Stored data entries
______________________________

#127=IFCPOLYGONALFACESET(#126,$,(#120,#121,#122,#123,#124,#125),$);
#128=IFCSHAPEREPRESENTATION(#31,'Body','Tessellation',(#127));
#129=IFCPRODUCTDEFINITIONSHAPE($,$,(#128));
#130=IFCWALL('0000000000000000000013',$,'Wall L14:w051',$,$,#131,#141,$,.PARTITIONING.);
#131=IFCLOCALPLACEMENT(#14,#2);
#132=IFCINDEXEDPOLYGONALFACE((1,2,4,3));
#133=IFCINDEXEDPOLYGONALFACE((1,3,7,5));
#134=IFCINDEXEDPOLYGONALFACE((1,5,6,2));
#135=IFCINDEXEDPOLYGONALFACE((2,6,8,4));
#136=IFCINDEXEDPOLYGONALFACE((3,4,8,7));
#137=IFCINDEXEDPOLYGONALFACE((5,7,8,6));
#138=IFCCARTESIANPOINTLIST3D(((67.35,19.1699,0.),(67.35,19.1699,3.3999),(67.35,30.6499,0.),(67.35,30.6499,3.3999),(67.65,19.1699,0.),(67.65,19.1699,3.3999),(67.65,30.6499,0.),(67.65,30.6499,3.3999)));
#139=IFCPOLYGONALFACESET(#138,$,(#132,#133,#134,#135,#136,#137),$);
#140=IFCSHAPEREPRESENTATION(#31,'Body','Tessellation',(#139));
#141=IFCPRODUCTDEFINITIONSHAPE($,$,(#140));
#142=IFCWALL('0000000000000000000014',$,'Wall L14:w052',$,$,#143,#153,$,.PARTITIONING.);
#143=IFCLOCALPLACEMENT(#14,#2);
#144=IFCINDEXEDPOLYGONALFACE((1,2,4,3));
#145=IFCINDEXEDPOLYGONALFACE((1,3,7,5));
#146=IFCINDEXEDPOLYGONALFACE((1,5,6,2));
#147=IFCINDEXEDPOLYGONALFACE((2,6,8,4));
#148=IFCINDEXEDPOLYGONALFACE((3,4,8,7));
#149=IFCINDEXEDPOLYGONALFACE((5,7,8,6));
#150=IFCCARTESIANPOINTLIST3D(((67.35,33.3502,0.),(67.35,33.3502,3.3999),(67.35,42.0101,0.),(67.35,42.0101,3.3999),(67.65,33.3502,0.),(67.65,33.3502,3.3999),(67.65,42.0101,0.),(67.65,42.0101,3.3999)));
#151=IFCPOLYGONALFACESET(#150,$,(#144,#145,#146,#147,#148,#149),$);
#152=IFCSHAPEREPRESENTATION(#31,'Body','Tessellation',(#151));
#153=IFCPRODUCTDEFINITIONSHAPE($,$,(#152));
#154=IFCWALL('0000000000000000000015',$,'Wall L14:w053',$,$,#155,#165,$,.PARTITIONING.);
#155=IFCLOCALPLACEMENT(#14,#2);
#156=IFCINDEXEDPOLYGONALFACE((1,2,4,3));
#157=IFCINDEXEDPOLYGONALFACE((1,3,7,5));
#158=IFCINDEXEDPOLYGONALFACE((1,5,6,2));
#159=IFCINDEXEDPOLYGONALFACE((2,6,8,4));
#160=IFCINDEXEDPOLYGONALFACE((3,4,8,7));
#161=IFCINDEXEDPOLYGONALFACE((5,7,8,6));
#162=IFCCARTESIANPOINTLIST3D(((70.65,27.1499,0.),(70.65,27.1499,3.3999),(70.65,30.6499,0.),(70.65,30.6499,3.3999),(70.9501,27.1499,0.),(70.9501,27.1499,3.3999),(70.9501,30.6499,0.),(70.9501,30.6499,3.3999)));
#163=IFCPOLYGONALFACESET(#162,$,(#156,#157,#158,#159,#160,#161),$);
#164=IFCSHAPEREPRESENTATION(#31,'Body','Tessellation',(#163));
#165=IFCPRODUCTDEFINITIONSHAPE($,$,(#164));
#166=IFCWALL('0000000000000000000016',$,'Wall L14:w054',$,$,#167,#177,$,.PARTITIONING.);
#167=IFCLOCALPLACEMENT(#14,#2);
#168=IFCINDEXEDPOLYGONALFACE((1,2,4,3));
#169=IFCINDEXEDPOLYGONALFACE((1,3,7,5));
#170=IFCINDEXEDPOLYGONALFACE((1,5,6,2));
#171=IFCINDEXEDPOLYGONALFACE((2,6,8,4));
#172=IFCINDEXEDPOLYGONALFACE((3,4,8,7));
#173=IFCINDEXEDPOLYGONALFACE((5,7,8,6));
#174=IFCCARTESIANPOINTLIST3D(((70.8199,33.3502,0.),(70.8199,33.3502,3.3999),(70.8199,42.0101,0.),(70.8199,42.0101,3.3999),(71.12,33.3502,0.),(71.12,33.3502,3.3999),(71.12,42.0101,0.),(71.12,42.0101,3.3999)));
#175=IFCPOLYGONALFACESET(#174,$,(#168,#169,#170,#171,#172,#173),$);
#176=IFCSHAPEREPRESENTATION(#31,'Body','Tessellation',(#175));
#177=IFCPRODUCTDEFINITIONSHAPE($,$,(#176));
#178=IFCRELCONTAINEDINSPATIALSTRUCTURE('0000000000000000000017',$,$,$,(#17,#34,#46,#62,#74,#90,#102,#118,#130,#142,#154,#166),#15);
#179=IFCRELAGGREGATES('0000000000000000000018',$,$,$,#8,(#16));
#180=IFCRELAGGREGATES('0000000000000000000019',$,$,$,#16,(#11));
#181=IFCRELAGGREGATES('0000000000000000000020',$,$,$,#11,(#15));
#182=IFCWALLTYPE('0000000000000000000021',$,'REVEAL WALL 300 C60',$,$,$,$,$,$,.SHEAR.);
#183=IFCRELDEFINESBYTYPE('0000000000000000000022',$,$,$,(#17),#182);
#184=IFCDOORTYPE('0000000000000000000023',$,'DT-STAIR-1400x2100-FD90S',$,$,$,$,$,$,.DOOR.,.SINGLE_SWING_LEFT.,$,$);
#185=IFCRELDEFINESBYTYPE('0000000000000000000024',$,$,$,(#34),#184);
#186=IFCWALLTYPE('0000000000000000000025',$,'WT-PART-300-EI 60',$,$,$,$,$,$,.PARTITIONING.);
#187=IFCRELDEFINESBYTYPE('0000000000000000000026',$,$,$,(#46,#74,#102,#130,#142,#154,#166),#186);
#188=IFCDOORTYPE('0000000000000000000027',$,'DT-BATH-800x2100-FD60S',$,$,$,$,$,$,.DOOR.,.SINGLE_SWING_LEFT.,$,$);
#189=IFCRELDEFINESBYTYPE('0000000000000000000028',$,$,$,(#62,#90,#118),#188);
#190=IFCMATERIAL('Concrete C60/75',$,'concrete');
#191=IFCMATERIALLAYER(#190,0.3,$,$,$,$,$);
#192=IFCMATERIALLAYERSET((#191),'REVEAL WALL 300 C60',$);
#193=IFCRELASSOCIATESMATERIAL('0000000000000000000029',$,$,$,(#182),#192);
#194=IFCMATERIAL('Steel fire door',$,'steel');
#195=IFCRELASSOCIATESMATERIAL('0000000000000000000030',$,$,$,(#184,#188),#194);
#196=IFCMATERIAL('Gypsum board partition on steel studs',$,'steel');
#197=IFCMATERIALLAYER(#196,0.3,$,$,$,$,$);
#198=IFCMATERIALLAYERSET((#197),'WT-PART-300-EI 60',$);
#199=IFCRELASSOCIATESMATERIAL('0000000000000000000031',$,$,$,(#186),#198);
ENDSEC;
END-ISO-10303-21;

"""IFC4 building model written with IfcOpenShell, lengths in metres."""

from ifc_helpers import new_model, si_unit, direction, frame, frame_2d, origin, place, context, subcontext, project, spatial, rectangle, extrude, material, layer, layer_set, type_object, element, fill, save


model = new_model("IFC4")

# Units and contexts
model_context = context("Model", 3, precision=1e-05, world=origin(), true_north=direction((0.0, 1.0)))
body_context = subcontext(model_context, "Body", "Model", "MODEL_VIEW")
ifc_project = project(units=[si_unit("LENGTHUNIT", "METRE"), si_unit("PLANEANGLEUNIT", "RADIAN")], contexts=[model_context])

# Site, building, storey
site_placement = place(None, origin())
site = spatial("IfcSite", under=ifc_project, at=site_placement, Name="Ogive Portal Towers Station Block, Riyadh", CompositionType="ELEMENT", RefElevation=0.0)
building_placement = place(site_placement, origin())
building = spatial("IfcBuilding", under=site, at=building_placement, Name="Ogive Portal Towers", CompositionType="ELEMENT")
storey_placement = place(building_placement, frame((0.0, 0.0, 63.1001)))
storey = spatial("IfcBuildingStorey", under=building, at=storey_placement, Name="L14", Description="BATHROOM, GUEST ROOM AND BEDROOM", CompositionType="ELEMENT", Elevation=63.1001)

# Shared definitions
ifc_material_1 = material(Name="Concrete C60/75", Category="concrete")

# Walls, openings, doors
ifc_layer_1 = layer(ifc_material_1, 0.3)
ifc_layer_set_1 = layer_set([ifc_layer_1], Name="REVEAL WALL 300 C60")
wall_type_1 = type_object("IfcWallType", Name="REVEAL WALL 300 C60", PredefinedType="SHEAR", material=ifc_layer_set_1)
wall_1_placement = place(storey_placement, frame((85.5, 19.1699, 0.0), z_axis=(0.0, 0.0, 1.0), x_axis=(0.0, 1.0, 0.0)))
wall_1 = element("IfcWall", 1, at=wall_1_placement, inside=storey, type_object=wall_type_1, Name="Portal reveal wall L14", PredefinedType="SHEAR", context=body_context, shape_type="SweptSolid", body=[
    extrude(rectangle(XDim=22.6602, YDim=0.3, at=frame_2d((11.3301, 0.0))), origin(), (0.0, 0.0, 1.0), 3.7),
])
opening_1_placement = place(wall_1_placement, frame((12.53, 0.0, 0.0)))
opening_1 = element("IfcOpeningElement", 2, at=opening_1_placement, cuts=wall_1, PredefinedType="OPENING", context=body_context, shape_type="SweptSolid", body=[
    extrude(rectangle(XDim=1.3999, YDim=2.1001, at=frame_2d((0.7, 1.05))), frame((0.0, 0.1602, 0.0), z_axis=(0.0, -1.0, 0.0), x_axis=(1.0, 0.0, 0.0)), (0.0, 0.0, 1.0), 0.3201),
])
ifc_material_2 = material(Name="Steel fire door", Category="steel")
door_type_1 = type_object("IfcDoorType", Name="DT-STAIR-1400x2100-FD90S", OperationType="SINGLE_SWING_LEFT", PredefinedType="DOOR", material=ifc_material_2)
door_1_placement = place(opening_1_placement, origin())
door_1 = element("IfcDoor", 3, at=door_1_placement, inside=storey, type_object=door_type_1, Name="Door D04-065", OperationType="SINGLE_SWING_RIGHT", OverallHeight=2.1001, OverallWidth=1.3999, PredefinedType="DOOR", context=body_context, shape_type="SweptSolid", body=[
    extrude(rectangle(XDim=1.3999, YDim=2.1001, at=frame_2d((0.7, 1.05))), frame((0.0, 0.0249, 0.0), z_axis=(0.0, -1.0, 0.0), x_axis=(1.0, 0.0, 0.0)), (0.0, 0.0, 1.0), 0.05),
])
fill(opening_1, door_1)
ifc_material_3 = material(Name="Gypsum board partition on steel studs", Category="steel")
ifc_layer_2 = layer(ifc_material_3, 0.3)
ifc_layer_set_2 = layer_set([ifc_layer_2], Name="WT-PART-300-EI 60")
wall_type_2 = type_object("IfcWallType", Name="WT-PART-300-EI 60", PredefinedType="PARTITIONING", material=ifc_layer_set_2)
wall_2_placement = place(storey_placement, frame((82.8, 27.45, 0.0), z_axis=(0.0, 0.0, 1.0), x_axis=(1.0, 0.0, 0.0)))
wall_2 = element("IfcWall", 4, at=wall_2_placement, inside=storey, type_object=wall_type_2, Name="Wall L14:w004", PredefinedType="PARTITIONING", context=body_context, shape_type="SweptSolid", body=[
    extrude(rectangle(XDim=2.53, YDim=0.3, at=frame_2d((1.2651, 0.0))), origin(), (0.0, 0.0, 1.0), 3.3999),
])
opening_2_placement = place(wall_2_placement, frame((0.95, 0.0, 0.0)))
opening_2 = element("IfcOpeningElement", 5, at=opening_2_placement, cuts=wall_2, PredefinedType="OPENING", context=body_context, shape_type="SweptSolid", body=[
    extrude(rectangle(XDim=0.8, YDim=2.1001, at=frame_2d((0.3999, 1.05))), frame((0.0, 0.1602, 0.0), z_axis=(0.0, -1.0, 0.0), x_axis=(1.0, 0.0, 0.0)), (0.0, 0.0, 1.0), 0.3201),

______________________________

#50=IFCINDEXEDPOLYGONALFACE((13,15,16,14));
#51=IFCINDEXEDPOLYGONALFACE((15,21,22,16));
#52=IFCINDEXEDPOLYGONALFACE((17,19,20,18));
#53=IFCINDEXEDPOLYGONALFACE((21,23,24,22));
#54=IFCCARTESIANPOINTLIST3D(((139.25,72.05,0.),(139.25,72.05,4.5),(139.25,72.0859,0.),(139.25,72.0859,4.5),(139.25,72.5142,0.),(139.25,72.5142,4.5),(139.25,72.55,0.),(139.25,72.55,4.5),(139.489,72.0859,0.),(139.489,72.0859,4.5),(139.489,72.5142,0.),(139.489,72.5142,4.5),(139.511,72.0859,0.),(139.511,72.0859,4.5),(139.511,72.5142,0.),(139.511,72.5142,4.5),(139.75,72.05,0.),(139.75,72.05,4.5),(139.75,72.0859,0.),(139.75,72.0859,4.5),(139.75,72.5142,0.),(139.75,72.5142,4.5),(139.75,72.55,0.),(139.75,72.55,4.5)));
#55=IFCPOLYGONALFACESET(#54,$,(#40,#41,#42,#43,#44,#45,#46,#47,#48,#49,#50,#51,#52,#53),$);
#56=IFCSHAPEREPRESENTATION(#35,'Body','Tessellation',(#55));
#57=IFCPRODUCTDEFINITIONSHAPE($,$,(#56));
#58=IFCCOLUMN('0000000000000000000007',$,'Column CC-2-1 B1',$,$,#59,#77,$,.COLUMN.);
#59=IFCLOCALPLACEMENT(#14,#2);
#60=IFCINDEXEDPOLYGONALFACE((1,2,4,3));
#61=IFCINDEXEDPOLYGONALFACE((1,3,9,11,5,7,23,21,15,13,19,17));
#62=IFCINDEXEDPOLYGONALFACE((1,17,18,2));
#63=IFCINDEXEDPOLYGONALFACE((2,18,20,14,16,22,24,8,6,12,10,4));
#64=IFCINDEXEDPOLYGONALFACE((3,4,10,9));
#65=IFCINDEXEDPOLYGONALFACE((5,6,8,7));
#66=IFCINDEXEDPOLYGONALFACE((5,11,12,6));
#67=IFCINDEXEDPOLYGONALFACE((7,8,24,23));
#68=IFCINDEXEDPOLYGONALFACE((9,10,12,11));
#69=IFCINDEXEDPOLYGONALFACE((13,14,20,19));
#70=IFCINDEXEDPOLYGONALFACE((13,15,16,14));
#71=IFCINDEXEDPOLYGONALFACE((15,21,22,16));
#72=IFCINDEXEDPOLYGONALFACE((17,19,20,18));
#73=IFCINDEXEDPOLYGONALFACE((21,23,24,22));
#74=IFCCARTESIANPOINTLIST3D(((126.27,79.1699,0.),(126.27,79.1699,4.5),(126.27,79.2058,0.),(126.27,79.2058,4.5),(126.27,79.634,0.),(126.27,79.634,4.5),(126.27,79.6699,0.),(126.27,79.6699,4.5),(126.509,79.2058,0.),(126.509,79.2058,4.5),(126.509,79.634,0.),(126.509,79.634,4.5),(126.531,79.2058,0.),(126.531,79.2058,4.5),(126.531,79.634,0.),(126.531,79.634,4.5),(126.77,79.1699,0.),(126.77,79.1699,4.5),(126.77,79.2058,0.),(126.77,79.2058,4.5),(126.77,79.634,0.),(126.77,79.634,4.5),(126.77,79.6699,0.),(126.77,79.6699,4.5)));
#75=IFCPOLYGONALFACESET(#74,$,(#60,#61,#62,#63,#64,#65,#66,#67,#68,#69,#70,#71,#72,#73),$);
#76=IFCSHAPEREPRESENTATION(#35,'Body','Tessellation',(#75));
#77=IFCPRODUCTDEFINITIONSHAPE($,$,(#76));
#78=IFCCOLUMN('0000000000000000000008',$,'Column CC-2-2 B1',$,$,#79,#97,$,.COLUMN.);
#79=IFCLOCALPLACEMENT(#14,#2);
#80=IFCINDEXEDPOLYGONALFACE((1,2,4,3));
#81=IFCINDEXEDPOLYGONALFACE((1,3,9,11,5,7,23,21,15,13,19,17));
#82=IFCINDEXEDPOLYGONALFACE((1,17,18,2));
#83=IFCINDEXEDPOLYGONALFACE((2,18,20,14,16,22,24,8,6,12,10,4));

______________________________

WHAT YOU ARE ASKED TO DO - In the records above, some lines hold the word "steel"; copy each such line.

SOLUTION TO THIS PROBLEM -
#194=IFCMATERIAL('Steel fire door',$,'steel');
#196=IFCMATERIAL('Gypsum board partition on steel studs',$,'steel');
ifc_material_2 = material(Name="Steel fire door", Category="steel")
ifc_material_3 = material(Name="Gypsum board partition on steel studs", Category="steel")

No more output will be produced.